*** Begin section ***

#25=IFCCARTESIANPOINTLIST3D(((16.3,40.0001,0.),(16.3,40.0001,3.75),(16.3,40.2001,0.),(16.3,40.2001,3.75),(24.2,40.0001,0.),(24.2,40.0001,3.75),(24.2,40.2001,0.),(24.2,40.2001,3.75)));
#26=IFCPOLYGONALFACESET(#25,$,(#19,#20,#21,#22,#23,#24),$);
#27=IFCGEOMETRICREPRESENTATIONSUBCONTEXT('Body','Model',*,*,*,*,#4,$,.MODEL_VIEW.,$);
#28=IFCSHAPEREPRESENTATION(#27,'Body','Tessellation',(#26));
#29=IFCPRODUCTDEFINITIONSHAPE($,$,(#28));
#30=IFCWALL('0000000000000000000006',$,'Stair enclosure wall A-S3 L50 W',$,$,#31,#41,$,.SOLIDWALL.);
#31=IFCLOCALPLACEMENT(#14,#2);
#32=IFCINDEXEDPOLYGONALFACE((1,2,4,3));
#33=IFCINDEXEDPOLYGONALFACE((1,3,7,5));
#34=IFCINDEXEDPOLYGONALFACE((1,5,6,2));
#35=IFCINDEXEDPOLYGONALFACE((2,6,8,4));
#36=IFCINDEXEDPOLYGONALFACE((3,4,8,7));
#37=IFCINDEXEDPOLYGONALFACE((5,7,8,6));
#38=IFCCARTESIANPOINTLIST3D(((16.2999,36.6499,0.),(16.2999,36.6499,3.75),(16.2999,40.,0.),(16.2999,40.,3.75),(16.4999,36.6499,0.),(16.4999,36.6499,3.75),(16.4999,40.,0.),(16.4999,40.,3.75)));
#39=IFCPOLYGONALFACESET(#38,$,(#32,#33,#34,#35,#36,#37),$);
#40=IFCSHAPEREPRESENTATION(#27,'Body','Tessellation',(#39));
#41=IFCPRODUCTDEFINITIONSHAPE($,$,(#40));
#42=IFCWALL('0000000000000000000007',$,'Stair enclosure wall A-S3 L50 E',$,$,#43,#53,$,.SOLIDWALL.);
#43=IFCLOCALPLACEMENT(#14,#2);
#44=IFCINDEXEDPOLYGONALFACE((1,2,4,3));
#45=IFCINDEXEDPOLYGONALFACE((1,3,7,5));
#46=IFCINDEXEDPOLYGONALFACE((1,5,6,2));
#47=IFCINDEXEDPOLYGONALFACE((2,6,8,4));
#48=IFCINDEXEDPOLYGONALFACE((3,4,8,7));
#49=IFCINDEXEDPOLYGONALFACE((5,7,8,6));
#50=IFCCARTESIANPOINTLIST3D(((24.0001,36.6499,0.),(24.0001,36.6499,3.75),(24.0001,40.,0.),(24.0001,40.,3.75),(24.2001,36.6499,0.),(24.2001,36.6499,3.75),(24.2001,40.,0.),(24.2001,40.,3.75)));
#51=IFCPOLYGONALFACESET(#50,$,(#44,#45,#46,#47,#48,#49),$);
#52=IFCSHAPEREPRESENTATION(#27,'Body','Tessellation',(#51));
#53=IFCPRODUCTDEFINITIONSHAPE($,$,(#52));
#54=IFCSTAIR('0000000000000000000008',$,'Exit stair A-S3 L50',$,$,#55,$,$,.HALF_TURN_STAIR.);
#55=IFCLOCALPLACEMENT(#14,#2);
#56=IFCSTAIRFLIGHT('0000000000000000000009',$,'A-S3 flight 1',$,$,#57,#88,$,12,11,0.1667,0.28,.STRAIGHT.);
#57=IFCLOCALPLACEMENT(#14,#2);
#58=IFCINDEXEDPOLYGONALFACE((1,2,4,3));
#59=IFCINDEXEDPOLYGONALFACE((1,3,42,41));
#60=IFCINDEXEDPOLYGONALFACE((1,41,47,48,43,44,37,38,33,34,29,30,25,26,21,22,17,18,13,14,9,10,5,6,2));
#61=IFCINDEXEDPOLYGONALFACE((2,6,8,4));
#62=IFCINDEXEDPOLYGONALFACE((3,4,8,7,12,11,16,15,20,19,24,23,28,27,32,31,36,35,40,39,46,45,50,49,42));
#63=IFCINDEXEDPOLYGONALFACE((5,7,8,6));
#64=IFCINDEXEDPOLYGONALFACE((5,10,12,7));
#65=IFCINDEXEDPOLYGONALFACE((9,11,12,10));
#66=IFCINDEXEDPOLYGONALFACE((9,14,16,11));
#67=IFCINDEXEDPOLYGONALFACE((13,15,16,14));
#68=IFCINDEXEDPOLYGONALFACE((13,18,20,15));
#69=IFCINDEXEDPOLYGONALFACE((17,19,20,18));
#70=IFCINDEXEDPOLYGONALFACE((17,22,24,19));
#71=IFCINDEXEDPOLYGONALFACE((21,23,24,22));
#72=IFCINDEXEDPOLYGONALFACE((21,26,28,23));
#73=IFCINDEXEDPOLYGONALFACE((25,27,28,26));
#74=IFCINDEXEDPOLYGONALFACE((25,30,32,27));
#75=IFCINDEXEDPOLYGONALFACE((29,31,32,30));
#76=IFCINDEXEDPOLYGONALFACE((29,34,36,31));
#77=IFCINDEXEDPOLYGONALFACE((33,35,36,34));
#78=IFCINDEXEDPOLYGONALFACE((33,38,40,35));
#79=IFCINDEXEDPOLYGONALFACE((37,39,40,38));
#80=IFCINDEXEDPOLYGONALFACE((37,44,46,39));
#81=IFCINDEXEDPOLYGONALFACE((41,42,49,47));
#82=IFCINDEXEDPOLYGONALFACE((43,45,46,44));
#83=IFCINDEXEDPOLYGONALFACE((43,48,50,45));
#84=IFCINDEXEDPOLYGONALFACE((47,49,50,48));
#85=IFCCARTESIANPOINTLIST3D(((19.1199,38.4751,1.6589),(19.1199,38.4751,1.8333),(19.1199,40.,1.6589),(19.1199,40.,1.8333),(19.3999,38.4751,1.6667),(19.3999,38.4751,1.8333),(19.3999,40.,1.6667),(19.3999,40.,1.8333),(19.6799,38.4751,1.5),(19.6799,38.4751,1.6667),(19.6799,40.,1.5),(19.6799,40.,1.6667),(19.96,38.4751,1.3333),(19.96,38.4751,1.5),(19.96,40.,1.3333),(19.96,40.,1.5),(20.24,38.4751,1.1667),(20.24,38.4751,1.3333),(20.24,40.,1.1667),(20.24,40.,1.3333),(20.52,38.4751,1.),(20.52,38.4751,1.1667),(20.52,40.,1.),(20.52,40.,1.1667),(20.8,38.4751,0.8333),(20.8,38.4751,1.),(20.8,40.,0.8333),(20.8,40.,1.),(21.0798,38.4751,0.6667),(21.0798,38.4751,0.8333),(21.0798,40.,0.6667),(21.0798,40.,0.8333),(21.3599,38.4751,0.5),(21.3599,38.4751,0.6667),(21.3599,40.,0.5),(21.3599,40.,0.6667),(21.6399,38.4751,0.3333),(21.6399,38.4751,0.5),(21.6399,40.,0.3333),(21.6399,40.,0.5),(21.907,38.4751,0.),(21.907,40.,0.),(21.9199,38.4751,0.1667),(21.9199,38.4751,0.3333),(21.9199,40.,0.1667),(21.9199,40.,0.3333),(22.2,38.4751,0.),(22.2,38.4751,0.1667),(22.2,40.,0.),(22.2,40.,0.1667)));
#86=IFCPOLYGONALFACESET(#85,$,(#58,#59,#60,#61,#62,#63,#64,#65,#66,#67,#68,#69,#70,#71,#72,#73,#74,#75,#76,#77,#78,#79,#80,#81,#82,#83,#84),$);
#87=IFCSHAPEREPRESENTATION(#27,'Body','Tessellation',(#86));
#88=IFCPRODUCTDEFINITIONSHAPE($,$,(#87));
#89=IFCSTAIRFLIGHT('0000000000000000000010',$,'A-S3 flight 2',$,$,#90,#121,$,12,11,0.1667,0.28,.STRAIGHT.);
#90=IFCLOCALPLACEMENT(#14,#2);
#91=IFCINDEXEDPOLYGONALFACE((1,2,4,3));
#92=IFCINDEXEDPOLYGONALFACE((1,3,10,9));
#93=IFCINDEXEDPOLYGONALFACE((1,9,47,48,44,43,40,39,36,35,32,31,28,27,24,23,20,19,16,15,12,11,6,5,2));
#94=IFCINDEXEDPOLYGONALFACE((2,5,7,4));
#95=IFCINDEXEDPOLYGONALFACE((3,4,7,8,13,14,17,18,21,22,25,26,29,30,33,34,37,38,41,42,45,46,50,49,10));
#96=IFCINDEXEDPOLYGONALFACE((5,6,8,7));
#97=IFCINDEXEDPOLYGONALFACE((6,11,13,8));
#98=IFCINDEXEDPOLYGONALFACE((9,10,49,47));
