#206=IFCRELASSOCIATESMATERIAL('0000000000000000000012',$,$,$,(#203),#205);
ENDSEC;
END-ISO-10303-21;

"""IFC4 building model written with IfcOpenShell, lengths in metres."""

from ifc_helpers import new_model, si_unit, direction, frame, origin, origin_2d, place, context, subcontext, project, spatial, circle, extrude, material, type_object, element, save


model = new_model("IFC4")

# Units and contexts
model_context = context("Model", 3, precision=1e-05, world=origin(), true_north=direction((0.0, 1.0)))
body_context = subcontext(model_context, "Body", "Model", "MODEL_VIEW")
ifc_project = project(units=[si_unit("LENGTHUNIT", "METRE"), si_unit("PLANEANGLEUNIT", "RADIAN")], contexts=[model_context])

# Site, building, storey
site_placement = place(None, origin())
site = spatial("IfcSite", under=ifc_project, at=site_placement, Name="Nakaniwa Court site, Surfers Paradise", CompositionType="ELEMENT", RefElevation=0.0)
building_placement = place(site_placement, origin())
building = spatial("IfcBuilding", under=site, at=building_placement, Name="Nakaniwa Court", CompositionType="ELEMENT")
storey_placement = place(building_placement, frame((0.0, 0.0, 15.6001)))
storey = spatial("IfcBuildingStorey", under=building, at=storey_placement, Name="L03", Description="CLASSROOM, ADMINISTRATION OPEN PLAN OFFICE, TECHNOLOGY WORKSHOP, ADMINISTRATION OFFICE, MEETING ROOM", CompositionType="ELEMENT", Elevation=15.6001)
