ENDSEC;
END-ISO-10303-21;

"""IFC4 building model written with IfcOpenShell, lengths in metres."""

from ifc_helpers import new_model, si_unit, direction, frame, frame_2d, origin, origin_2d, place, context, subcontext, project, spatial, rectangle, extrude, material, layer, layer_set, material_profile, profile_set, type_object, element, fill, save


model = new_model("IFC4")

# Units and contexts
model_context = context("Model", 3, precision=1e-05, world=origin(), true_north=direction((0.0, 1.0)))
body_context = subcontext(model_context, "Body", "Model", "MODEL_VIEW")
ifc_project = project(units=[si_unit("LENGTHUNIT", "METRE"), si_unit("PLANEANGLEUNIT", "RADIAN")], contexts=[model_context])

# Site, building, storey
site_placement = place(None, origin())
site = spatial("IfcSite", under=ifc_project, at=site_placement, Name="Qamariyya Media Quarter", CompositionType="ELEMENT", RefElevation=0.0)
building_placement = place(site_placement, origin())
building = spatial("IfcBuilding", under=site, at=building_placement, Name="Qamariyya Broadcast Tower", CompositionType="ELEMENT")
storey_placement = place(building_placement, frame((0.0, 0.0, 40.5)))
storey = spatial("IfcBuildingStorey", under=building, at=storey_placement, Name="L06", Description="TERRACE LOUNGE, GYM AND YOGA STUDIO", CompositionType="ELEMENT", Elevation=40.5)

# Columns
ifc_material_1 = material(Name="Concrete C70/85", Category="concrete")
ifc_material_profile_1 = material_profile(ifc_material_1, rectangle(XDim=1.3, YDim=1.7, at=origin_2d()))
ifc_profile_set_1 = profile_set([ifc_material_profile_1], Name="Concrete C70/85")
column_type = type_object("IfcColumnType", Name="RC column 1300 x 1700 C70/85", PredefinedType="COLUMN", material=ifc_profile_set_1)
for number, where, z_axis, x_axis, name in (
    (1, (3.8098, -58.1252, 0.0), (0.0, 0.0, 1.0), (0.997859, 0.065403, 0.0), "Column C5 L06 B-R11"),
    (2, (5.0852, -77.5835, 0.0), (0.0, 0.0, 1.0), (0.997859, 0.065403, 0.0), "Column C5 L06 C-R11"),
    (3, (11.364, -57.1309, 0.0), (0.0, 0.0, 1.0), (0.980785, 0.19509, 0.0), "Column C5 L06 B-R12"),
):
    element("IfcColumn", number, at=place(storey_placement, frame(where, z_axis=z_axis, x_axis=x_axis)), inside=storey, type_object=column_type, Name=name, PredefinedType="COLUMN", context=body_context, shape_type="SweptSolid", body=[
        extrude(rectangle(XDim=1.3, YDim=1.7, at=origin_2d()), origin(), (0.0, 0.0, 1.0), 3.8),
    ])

*** End section ***
*** Begin section ***

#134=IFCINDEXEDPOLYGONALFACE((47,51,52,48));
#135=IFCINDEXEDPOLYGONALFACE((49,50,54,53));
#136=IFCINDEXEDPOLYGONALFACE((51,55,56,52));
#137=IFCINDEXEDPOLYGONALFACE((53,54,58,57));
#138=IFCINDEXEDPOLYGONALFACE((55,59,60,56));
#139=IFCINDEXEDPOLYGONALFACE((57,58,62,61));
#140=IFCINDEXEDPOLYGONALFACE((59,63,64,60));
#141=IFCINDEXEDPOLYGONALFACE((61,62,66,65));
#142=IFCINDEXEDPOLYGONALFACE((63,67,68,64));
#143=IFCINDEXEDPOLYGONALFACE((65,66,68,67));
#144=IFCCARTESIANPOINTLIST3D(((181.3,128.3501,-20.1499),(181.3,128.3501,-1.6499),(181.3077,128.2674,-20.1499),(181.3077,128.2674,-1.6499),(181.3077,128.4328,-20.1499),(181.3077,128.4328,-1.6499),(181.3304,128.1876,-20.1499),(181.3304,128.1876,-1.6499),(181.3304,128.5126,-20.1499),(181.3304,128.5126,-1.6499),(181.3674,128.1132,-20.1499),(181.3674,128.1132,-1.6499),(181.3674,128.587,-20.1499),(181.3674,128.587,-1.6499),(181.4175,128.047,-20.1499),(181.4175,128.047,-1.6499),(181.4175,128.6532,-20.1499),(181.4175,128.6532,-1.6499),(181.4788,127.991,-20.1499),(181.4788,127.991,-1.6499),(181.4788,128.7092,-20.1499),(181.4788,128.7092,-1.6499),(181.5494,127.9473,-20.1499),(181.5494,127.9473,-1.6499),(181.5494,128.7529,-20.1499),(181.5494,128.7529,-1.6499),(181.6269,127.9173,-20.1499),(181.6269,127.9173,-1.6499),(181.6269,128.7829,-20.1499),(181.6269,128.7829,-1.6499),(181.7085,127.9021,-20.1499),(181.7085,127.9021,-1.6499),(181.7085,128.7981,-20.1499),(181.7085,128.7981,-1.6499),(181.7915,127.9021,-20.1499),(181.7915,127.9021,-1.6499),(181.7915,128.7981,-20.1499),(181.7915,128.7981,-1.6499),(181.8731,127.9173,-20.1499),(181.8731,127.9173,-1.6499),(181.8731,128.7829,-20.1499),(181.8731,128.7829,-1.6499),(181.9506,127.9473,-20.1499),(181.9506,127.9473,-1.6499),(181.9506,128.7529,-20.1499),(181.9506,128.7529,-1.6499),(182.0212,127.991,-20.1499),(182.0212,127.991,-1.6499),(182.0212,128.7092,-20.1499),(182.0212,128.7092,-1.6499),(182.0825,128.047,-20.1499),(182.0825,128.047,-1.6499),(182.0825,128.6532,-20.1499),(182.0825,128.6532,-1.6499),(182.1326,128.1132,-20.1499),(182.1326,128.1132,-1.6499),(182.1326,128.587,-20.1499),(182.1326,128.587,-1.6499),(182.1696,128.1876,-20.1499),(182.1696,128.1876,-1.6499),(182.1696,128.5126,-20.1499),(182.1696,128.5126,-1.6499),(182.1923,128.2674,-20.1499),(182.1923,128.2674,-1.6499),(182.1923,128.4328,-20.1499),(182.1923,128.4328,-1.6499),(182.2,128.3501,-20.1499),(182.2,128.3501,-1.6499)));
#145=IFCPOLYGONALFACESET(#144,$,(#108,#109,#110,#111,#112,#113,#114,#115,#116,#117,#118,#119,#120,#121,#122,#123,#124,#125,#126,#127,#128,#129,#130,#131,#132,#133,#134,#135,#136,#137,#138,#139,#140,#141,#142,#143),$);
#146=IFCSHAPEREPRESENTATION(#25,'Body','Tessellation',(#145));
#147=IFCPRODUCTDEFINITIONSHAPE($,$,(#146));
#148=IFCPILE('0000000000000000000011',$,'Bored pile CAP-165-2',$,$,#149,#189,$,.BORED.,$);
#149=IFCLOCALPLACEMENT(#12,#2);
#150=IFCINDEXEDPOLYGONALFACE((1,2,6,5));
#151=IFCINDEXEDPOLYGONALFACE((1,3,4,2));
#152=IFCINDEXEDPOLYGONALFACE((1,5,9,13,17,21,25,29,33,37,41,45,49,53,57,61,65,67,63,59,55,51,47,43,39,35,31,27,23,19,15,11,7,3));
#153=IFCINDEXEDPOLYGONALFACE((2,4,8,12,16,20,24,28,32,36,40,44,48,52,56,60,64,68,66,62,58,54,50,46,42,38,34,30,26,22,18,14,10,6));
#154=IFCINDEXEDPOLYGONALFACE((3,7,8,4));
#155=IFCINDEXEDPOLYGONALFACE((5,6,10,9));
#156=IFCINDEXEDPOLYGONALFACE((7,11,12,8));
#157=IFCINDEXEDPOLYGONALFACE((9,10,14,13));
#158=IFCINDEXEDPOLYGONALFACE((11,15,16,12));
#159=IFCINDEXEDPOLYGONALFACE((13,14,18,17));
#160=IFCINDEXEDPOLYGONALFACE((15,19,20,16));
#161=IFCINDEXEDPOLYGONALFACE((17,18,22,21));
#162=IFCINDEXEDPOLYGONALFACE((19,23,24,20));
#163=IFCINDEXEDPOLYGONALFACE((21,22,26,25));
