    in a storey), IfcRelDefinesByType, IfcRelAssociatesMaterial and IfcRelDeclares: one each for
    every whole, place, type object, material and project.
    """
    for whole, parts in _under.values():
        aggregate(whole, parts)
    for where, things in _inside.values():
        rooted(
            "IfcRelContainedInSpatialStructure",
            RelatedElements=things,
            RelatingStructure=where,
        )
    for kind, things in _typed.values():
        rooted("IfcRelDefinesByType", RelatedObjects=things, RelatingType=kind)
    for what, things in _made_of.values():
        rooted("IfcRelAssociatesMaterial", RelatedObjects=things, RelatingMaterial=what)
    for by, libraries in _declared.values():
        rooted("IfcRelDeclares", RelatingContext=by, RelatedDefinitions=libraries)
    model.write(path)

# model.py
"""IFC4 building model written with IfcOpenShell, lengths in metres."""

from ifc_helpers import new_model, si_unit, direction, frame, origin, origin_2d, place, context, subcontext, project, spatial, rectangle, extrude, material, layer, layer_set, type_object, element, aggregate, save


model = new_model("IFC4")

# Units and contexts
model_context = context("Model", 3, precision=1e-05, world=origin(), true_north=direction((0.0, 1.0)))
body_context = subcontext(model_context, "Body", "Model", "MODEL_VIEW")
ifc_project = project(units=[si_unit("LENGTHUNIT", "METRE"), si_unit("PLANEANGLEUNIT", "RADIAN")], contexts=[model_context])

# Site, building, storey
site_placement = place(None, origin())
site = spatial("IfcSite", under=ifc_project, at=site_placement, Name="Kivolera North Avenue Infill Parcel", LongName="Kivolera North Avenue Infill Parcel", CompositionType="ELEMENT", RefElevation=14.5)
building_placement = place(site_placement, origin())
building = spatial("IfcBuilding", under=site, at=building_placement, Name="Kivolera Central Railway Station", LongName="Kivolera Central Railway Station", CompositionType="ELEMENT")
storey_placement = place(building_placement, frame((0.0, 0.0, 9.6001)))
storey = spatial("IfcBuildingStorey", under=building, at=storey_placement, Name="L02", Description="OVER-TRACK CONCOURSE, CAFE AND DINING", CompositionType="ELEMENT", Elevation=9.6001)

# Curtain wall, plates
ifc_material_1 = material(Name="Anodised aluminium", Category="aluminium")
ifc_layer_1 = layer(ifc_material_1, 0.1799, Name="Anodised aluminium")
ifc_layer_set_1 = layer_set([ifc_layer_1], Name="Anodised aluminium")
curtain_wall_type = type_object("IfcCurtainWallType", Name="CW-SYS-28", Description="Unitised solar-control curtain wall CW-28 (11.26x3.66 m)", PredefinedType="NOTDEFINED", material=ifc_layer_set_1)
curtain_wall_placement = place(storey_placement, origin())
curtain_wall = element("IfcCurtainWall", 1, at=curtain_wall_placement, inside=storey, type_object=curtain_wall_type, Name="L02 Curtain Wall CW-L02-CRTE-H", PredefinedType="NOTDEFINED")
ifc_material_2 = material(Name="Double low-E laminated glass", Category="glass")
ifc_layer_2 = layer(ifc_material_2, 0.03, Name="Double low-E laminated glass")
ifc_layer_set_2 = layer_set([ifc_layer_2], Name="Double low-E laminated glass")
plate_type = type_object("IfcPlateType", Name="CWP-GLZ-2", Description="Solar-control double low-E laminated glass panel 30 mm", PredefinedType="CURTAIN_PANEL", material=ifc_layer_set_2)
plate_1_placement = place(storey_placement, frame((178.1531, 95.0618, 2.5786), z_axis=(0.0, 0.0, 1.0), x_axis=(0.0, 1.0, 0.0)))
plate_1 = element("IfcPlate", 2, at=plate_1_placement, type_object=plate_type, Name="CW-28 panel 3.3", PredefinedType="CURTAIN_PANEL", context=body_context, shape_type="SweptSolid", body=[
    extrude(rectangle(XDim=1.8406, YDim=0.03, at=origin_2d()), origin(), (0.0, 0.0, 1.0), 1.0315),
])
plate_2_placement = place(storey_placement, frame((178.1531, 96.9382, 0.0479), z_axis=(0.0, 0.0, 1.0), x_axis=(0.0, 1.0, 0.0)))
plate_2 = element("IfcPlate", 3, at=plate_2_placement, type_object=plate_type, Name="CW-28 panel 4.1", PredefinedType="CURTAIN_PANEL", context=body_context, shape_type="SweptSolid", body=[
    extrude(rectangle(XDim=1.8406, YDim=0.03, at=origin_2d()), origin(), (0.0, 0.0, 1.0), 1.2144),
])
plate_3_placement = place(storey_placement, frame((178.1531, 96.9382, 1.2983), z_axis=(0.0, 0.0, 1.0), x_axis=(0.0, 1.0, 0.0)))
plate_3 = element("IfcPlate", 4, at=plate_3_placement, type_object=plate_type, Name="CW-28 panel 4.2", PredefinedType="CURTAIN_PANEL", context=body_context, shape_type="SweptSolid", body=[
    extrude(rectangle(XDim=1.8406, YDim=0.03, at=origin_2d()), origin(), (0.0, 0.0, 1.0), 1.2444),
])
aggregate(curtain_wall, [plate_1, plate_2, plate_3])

*** End section ***

** Required action **
Going through the entries above, count the lines that have the word "STRAIGHT" and state that count alone.

** Task response **
2